[Opening MATERIAL FOR THIS EXERCISE section]

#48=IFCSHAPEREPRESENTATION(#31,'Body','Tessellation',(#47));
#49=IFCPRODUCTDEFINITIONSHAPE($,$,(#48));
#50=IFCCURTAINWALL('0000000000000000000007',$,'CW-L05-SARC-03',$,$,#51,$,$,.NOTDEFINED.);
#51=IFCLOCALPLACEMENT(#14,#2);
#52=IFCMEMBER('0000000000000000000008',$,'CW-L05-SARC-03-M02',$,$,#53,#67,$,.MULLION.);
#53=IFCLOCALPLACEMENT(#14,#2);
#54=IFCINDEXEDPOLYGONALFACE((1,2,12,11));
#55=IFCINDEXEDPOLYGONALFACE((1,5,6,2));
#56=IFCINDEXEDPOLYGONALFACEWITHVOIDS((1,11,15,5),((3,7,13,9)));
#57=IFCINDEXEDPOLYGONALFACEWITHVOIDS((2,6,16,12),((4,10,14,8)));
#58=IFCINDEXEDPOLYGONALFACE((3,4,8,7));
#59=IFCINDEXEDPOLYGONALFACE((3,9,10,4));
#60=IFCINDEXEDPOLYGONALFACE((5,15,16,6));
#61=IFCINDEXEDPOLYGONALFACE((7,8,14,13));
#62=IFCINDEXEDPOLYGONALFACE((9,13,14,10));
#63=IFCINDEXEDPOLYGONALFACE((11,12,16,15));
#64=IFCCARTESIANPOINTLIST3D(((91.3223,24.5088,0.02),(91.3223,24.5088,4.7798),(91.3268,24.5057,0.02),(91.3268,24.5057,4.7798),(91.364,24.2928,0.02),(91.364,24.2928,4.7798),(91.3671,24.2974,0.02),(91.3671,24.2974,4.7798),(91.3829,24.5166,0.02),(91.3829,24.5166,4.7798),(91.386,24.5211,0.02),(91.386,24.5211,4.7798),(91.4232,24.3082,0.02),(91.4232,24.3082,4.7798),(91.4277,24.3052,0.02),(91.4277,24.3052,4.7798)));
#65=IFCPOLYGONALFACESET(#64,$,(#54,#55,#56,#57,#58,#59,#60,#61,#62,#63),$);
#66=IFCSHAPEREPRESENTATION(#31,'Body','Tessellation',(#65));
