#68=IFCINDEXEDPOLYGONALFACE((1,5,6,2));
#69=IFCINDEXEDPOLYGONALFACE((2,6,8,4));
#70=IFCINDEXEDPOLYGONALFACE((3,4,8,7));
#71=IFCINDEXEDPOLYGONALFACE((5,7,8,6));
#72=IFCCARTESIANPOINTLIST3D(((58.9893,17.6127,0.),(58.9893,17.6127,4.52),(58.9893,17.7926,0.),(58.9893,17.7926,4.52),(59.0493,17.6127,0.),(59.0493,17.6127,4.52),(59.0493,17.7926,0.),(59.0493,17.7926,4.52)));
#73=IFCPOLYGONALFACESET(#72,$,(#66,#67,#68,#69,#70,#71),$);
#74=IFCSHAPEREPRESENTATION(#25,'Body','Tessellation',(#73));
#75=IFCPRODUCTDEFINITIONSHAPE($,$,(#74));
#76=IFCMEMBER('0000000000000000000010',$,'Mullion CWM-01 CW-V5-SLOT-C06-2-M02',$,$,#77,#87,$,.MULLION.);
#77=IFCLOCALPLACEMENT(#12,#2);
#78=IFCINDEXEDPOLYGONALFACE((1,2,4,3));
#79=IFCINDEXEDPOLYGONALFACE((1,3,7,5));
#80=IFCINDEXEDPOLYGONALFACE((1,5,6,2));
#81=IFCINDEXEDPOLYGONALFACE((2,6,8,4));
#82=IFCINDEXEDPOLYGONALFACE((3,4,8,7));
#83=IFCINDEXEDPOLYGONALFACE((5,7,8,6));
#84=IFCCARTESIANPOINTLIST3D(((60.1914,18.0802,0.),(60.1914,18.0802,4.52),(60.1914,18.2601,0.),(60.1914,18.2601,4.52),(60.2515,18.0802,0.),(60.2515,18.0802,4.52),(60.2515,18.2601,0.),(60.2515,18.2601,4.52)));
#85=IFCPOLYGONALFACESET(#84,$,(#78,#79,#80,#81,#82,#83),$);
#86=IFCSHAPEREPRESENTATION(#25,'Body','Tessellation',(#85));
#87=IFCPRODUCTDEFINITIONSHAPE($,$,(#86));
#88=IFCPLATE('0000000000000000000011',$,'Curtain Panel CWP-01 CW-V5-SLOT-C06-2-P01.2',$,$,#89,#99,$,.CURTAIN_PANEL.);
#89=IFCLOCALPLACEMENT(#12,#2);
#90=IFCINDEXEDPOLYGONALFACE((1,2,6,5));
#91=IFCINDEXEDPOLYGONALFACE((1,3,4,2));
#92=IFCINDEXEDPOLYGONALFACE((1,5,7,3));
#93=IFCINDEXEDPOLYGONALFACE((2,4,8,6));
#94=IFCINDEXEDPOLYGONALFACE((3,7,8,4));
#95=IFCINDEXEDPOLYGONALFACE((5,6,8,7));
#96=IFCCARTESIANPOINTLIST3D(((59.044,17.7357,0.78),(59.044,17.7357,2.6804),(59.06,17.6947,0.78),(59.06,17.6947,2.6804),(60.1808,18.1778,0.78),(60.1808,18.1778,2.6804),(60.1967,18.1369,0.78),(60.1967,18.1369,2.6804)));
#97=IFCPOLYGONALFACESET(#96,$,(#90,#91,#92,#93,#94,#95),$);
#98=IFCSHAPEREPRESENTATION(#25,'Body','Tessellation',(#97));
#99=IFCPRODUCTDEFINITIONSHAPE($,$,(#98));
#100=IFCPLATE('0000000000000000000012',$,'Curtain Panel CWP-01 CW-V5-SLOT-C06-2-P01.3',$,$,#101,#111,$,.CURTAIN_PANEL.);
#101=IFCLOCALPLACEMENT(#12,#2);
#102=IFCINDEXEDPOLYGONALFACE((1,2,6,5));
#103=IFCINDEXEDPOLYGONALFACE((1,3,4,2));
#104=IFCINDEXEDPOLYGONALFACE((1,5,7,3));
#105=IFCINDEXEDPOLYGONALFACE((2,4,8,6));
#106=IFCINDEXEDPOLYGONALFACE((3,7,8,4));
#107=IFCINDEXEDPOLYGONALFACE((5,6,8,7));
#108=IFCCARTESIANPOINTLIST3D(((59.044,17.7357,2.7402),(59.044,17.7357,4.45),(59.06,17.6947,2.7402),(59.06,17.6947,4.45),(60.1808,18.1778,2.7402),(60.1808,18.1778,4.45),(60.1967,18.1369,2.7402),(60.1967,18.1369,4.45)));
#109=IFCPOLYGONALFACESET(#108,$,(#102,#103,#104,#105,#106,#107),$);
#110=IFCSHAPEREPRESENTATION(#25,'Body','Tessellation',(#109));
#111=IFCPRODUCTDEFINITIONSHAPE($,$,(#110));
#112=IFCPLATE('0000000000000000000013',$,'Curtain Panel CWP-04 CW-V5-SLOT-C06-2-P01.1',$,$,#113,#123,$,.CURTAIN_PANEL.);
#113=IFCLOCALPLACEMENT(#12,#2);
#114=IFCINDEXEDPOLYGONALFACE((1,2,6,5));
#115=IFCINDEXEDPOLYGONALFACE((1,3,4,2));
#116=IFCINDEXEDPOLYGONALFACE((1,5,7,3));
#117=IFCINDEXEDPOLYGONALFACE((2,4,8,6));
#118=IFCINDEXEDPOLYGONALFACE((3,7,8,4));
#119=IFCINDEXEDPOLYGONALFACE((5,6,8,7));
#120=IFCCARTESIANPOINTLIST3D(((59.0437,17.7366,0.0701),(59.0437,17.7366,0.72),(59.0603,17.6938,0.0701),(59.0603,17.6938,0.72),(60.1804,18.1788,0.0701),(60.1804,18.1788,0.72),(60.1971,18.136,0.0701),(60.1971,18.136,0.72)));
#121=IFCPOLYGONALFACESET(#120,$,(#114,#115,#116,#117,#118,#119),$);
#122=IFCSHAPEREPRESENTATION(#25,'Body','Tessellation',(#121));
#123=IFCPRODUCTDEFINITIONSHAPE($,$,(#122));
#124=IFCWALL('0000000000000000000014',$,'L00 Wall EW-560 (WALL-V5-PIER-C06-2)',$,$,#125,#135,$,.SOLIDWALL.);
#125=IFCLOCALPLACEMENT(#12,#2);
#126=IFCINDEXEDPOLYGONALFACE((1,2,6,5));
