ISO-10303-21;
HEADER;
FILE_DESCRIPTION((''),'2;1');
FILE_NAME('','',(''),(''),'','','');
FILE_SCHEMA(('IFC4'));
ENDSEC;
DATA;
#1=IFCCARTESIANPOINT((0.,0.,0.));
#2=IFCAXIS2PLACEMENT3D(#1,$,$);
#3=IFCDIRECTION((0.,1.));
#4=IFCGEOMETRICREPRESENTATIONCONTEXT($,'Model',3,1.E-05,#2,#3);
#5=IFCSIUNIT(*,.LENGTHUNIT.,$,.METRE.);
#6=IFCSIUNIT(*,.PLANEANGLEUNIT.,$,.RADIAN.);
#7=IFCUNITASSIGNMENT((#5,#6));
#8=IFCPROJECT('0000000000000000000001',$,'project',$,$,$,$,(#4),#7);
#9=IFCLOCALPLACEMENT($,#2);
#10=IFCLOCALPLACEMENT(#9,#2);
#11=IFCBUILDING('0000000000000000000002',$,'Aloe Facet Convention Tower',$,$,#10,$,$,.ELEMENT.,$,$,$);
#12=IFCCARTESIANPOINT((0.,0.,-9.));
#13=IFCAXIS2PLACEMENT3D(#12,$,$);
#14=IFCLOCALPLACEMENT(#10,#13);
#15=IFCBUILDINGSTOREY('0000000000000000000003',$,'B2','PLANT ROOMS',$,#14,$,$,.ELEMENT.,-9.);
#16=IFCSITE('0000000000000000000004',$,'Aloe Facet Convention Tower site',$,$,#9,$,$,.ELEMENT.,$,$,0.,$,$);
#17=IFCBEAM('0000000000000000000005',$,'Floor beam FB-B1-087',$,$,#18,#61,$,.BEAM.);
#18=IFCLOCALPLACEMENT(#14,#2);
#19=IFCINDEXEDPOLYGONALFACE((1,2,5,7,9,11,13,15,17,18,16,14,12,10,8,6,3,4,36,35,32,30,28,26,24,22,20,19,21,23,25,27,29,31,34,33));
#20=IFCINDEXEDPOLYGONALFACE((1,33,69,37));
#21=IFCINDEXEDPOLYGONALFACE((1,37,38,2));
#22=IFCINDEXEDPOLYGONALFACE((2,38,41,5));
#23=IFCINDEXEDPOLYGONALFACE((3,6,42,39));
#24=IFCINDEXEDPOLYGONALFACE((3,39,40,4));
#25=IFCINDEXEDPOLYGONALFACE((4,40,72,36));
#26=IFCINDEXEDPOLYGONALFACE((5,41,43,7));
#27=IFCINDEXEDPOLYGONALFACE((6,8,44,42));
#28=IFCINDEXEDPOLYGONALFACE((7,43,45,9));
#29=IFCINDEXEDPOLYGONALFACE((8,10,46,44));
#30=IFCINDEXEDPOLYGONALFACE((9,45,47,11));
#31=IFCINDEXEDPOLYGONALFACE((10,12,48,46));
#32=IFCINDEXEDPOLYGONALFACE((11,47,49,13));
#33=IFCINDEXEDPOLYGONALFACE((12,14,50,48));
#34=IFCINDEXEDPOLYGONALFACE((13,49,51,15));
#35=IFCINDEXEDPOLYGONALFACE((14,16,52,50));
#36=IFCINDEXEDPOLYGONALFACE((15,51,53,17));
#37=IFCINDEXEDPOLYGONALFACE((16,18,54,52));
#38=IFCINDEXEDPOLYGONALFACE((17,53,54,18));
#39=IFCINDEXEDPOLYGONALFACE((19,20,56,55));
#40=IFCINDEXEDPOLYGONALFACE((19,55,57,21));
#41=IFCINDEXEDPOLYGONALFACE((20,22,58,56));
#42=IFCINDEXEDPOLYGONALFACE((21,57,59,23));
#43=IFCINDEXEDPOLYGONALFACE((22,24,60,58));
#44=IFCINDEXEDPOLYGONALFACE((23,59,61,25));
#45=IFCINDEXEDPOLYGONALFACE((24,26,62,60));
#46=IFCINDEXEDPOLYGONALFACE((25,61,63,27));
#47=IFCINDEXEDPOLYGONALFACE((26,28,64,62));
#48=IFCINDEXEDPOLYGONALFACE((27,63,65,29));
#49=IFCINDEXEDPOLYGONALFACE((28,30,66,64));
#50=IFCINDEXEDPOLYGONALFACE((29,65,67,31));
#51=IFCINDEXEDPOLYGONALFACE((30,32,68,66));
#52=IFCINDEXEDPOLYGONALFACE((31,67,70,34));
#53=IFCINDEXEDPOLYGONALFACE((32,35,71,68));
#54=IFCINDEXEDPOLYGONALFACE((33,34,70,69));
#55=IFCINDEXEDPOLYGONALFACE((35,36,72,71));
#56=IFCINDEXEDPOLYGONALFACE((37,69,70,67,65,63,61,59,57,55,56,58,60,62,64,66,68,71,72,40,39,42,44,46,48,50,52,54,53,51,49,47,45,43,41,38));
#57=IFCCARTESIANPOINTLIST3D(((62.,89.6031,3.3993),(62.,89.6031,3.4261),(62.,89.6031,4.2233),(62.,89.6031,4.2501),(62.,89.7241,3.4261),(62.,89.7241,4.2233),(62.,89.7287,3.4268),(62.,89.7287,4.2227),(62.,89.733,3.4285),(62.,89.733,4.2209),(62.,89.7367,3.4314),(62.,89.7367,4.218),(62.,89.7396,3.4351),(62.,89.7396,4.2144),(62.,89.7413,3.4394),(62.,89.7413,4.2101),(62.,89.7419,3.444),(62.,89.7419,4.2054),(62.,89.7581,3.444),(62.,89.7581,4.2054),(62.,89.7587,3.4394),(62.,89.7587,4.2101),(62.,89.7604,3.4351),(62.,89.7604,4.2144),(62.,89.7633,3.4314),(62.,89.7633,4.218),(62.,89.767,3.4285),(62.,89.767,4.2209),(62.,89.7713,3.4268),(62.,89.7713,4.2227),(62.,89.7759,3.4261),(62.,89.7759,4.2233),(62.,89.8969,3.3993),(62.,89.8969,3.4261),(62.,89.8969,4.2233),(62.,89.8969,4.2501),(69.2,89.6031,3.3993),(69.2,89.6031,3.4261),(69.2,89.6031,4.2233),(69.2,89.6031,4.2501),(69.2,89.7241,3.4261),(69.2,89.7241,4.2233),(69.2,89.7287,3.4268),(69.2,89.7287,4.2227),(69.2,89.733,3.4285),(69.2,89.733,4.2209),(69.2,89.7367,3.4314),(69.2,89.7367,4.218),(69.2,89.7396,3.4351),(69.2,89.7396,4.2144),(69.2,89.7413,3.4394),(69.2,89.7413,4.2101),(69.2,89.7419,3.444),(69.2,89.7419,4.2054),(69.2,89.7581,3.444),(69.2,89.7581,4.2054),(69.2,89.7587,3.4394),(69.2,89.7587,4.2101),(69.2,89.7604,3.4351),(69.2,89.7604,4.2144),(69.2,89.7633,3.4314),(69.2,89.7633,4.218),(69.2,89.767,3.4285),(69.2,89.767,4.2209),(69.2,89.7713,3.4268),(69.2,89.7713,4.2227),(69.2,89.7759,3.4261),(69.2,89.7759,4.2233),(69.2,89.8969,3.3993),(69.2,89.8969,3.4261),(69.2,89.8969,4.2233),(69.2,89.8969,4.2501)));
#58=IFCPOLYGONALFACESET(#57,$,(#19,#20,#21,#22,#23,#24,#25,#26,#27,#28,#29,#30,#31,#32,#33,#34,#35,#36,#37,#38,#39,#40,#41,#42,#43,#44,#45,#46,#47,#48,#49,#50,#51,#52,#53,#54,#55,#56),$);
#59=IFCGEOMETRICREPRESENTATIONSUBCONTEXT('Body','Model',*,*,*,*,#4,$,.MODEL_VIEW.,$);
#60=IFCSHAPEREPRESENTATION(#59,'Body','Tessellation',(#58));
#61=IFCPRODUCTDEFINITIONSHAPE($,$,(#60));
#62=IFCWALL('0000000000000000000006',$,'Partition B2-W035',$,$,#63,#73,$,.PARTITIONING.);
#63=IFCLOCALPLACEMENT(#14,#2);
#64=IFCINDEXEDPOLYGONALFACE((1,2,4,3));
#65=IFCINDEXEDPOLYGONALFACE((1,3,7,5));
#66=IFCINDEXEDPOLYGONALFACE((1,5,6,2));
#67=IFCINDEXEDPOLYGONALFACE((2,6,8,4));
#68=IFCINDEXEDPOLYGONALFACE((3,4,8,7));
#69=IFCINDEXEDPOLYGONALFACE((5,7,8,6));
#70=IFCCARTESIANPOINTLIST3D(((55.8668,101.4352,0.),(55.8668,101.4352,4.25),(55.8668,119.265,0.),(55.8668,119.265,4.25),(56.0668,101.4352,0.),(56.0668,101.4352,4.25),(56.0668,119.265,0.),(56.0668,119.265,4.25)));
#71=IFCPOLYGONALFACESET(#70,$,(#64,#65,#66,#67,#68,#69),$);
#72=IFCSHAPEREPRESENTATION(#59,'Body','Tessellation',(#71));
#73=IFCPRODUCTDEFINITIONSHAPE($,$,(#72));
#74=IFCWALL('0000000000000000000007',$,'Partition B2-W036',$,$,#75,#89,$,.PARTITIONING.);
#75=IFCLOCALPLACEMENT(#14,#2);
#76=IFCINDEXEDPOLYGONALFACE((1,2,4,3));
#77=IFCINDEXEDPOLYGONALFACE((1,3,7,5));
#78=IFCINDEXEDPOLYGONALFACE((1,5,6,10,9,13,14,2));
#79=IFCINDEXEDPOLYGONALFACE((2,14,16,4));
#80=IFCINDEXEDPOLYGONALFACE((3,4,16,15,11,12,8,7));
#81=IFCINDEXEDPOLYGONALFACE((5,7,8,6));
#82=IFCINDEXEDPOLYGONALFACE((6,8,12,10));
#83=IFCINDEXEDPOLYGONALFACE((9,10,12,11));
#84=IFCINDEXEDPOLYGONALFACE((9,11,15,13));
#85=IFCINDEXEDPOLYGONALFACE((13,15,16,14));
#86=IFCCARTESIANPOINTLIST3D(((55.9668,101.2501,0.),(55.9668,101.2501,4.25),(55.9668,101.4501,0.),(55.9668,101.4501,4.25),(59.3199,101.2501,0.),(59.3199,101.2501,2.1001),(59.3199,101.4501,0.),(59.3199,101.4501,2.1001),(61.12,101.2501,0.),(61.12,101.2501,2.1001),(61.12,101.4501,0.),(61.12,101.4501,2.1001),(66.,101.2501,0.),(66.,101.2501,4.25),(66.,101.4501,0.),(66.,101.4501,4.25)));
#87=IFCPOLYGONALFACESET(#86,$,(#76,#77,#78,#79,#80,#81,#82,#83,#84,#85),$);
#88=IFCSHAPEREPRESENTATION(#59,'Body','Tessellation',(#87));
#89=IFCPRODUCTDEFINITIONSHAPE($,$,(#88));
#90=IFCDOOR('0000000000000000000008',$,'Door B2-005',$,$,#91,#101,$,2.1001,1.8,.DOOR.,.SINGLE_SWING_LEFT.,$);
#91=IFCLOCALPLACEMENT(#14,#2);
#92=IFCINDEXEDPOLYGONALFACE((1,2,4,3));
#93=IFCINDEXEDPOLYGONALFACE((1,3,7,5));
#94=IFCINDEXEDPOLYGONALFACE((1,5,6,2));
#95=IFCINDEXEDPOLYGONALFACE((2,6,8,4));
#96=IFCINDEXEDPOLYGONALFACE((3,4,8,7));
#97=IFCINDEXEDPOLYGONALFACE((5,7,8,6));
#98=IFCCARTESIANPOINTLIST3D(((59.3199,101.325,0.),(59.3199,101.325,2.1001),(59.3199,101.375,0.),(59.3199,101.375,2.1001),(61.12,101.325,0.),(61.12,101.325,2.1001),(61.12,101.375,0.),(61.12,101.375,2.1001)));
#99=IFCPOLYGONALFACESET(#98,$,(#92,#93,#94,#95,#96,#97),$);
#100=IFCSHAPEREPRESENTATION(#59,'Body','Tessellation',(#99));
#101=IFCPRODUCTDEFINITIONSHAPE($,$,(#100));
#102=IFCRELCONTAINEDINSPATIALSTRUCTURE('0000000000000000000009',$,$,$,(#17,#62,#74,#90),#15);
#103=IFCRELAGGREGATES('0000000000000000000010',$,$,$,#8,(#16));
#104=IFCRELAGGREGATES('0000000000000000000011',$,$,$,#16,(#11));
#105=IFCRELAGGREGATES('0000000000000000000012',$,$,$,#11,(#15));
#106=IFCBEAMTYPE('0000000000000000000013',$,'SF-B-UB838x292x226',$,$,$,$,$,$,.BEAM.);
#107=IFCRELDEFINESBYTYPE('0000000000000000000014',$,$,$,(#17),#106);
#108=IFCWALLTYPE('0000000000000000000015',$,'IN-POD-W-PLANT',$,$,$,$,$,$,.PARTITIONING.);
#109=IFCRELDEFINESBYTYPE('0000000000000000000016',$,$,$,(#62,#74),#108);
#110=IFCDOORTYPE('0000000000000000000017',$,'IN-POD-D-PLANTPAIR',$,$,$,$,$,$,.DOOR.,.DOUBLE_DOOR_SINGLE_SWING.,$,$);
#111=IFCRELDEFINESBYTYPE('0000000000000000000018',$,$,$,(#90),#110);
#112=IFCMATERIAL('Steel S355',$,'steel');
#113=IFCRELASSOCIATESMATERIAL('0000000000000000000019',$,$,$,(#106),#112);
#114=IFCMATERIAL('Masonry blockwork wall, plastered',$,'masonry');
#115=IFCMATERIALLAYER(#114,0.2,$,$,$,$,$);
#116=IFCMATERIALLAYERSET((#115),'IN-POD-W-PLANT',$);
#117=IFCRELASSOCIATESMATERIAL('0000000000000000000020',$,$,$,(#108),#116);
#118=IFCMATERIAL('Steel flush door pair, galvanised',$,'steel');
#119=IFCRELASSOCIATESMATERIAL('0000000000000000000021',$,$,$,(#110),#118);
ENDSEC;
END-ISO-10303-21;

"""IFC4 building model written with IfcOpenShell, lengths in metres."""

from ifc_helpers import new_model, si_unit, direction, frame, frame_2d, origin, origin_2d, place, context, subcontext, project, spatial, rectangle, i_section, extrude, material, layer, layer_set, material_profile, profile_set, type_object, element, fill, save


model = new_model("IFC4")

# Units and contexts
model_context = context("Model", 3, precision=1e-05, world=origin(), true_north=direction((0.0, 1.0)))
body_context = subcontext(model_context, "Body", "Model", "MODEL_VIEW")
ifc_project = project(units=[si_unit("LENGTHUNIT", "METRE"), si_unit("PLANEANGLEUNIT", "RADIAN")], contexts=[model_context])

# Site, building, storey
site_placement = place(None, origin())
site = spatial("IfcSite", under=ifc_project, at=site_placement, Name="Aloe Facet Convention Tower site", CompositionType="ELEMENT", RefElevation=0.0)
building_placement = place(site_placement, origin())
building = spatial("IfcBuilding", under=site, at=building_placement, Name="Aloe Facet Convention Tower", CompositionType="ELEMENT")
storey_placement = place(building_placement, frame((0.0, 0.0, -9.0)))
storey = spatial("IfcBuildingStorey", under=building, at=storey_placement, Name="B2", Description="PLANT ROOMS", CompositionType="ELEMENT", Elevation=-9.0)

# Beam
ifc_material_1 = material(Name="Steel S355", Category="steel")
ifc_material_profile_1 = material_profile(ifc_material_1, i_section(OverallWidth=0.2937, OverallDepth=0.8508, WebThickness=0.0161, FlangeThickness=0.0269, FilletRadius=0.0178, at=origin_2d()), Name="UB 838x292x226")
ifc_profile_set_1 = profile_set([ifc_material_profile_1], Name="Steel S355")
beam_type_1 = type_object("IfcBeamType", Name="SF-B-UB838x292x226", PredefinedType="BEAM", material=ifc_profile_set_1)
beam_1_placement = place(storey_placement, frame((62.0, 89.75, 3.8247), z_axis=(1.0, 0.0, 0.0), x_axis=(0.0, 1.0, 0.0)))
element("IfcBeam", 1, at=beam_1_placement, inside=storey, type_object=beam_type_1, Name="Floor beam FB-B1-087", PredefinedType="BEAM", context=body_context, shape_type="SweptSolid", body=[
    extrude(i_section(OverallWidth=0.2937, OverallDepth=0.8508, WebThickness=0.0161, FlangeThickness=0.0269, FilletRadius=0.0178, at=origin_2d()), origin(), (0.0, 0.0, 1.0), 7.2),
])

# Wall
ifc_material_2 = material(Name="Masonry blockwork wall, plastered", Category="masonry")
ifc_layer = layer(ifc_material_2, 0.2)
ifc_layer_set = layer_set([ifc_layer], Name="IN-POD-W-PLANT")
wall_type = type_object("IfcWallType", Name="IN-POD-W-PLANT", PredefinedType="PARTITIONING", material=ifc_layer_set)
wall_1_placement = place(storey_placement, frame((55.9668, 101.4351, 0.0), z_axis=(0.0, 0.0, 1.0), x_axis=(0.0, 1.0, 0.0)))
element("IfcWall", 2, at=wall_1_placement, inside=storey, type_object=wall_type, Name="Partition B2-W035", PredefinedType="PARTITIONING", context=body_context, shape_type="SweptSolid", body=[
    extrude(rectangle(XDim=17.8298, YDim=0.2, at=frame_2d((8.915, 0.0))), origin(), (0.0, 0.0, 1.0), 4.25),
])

[Closing MATERIAL FOR THIS EXERCISE section]

*TASK BRIEF:* The range runs from the line with "#67=IFCINDEXEDPOLYGONALFACE((2,6,8,4));" up to and including the line with "#93=IFCINDEXEDPOLYGONALFACE((1,3,7,5));" in the listing above; please write out exactly those lines and nothing more.

*YOUR RESPONSE:*
#67=IFCINDEXEDPOLYGONALFACE((2,6,8,4));
#68=IFCINDEXEDPOLYGONALFACE((3,4,8,7));
#69=IFCINDEXEDPOLYGONALFACE((5,7,8,6));
#70=IFCCARTESIANPOINTLIST3D(((55.8668,101.4352,0.),(55.8668,101.4352,4.25),(55.8668,119.265,0.),(55.8668,119.265,4.25),(56.0668,101.4352,0.),(56.0668,101.4352,4.25),(56.0668,119.265,0.),(56.0668,119.265,4.25)));
#71=IFCPOLYGONALFACESET(#70,$,(#64,#65,#66,#67,#68,#69),$);
#72=IFCSHAPEREPRESENTATION(#59,'Body','Tessellation',(#71));
#73=IFCPRODUCTDEFINITIONSHAPE($,$,(#72));
#74=IFCWALL('0000000000000000000007',$,'Partition B2-W036',$,$,#75,#89,$,.PARTITIONING.);
#75=IFCLOCALPLACEMENT(#14,#2);
#76=IFCINDEXEDPOLYGONALFACE((1,2,4,3));
#77=IFCINDEXEDPOLYGONALFACE((1,3,7,5));
#78=IFCINDEXEDPOLYGONALFACE((1,5,6,10,9,13,14,2));
#79=IFCINDEXEDPOLYGONALFACE((2,14,16,4));
#80=IFCINDEXEDPOLYGONALFACE((3,4,16,15,11,12,8,7));
#81=IFCINDEXEDPOLYGONALFACE((5,7,8,6));
#82=IFCINDEXEDPOLYGONALFACE((6,8,12,10));
#83=IFCINDEXEDPOLYGONALFACE((9,10,12,11));
#84=IFCINDEXEDPOLYGONALFACE((9,11,15,13));
#85=IFCINDEXEDPOLYGONALFACE((13,15,16,14));
#86=IFCCARTESIANPOINTLIST3D(((55.9668,101.2501,0.),(55.9668,101.2501,4.25),(55.9668,101.4501,0.),(55.9668,101.4501,4.25),(59.3199,101.2501,0.),(59.3199,101.2501,2.1001),(59.3199,101.4501,0.),(59.3199,101.4501,2.1001),(61.12,101.2501,0.),(61.12,101.2501,2.1001),(61.12,101.4501,0.),(61.12,101.4501,2.1001),(66.,101.2501,0.),(66.,101.2501,4.25),(66.,101.4501,0.),(66.,101.4501,4.25)));
#87=IFCPOLYGONALFACESET(#86,$,(#76,#77,#78,#79,#80,#81,#82,#83,#84,#85),$);
#88=IFCSHAPEREPRESENTATION(#59,'Body','Tessellation',(#87));
#89=IFCPRODUCTDEFINITIONSHAPE($,$,(#88));
#90=IFCDOOR('0000000000000000000008',$,'Door B2-005',$,$,#91,#101,$,2.1001,1.8,.DOOR.,.SINGLE_SWING_LEFT.,$);
#91=IFCLOCALPLACEMENT(#14,#2);
#92=IFCINDEXEDPOLYGONALFACE((1,2,4,3));
#93=IFCINDEXEDPOLYGONALFACE((1,3,7,5));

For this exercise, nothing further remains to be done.